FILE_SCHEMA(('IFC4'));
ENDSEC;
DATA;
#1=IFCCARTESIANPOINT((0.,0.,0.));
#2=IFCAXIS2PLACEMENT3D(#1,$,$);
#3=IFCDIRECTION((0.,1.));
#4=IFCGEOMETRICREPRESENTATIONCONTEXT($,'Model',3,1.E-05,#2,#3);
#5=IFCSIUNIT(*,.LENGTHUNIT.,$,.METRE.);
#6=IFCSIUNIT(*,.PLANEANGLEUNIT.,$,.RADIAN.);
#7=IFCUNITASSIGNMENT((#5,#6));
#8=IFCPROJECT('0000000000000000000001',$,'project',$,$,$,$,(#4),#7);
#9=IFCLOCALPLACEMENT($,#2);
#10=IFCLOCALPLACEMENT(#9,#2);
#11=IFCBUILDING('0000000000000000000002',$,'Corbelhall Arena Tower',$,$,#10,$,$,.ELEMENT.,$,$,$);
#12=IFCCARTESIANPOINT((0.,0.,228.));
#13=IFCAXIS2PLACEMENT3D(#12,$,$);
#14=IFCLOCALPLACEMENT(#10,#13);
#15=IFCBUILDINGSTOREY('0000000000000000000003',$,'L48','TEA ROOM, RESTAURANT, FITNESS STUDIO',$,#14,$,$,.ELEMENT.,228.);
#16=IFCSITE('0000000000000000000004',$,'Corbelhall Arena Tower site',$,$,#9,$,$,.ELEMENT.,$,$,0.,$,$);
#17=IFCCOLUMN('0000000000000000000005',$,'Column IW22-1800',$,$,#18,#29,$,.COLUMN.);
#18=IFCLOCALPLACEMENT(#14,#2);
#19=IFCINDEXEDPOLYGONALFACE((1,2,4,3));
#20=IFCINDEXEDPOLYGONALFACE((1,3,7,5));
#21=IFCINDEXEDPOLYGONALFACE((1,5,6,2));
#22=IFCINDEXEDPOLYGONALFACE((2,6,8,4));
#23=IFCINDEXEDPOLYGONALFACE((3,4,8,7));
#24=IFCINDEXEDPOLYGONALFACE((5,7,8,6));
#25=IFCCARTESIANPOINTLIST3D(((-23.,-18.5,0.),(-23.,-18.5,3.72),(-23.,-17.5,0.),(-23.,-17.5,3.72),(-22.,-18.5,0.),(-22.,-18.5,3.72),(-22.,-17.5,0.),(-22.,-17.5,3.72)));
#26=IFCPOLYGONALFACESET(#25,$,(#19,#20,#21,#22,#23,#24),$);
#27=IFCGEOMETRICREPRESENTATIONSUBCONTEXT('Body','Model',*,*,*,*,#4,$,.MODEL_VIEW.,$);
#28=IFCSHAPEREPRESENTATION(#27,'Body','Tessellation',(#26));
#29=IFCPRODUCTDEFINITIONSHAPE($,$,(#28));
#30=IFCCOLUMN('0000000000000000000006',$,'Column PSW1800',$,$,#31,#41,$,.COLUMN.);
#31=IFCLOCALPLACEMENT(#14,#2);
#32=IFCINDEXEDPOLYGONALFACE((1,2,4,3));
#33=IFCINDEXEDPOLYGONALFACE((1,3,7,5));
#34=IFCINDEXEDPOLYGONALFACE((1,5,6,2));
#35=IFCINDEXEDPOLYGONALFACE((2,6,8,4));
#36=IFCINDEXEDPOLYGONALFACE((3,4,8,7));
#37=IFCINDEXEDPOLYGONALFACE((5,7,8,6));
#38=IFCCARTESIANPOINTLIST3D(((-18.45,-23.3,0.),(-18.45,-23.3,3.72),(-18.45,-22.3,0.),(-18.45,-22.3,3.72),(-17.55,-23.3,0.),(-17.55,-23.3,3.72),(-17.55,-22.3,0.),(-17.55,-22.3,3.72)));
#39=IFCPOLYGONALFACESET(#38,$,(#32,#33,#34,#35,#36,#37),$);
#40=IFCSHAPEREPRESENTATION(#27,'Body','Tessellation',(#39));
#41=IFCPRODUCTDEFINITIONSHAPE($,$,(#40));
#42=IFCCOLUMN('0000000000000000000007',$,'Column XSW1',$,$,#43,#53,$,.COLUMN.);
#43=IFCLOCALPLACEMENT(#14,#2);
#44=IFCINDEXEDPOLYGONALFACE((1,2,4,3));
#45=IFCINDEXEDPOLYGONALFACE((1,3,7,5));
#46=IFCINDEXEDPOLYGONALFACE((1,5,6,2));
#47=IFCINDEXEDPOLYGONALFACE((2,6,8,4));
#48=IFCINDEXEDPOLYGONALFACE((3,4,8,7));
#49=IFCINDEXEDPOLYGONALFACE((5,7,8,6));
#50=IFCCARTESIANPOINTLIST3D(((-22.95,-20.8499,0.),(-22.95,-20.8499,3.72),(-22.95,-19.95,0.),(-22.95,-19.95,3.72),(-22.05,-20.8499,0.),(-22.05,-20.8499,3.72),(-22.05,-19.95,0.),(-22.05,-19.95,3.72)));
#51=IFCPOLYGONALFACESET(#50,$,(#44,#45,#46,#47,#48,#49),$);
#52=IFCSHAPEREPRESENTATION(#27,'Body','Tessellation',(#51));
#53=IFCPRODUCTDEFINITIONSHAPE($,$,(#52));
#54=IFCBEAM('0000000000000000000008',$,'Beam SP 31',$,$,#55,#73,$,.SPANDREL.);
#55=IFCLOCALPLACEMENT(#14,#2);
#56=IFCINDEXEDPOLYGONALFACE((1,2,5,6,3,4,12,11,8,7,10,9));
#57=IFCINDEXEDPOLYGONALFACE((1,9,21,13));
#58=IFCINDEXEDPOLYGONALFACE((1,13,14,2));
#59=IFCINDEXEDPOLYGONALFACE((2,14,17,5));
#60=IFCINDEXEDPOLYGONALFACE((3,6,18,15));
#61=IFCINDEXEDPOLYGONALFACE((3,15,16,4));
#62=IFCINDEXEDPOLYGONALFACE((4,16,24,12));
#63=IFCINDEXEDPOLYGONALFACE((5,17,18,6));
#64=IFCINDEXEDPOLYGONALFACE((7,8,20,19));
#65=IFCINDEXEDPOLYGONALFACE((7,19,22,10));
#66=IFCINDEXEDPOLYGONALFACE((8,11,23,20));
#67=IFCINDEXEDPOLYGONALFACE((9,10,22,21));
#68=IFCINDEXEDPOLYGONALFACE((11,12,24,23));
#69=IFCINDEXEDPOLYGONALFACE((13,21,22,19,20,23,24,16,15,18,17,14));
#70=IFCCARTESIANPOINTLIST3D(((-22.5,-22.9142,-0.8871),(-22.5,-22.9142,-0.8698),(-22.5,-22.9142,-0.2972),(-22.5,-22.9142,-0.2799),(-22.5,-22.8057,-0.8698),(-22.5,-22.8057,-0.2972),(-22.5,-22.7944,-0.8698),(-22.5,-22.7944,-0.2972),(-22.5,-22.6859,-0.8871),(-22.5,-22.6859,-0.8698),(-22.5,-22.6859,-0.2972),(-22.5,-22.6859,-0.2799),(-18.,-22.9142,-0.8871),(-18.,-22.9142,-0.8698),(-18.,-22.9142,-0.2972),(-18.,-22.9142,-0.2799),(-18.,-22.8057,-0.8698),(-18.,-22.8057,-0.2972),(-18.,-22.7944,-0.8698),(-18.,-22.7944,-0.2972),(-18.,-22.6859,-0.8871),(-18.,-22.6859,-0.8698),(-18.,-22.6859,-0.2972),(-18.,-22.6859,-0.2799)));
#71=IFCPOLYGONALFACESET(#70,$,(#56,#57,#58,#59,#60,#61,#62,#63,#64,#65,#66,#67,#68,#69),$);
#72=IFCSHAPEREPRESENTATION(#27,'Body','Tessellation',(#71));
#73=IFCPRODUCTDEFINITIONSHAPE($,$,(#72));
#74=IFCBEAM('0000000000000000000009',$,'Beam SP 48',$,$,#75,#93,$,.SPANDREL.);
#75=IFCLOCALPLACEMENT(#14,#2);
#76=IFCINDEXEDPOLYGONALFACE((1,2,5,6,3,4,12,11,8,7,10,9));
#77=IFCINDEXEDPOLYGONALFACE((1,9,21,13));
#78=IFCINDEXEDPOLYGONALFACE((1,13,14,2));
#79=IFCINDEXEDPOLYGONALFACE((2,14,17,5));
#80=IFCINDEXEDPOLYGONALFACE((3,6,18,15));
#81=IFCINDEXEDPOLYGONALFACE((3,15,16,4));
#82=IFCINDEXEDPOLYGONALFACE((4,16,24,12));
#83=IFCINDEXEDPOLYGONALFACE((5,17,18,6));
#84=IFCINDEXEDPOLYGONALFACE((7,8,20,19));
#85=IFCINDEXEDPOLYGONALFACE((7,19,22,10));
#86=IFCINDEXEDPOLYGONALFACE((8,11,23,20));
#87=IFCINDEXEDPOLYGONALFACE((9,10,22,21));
◆ ◆ ◆ ◆ ◆
* Task details *
For the listing above, print only the lines starting at the line containing "#2=IFCAXIS2PLACEMENT3D(#1,$,$);" and ending at the line containing "#16=IFCSITE('0000000000000000000004',$,'Corbelhall Arena Tower", exactly, both included.

* Problem solution *
#2=IFCAXIS2PLACEMENT3D(#1,$,$);
#3=IFCDIRECTION((0.,1.));
#4=IFCGEOMETRICREPRESENTATIONCONTEXT($,'Model',3,1.E-05,#2,#3);
#5=IFCSIUNIT(*,.LENGTHUNIT.,$,.METRE.);
#6=IFCSIUNIT(*,.PLANEANGLEUNIT.,$,.RADIAN.);
#7=IFCUNITASSIGNMENT((#5,#6));
#8=IFCPROJECT('0000000000000000000001',$,'project',$,$,$,$,(#4),#7);
#9=IFCLOCALPLACEMENT($,#2);
#10=IFCLOCALPLACEMENT(#9,#2);
#11=IFCBUILDING('0000000000000000000002',$,'Corbelhall Arena Tower',$,$,#10,$,$,.ELEMENT.,$,$,$);
#12=IFCCARTESIANPOINT((0.,0.,228.));
#13=IFCAXIS2PLACEMENT3D(#12,$,$);
#14=IFCLOCALPLACEMENT(#10,#13);
#15=IFCBUILDINGSTOREY('0000000000000000000003',$,'L48','TEA ROOM, RESTAURANT, FITNESS STUDIO',$,#14,$,$,.ELEMENT.,228.);
#16=IFCSITE('0000000000000000000004',$,'Corbelhall Arena Tower site',$,$,#9,$,$,.ELEMENT.,$,$,0.,$,$);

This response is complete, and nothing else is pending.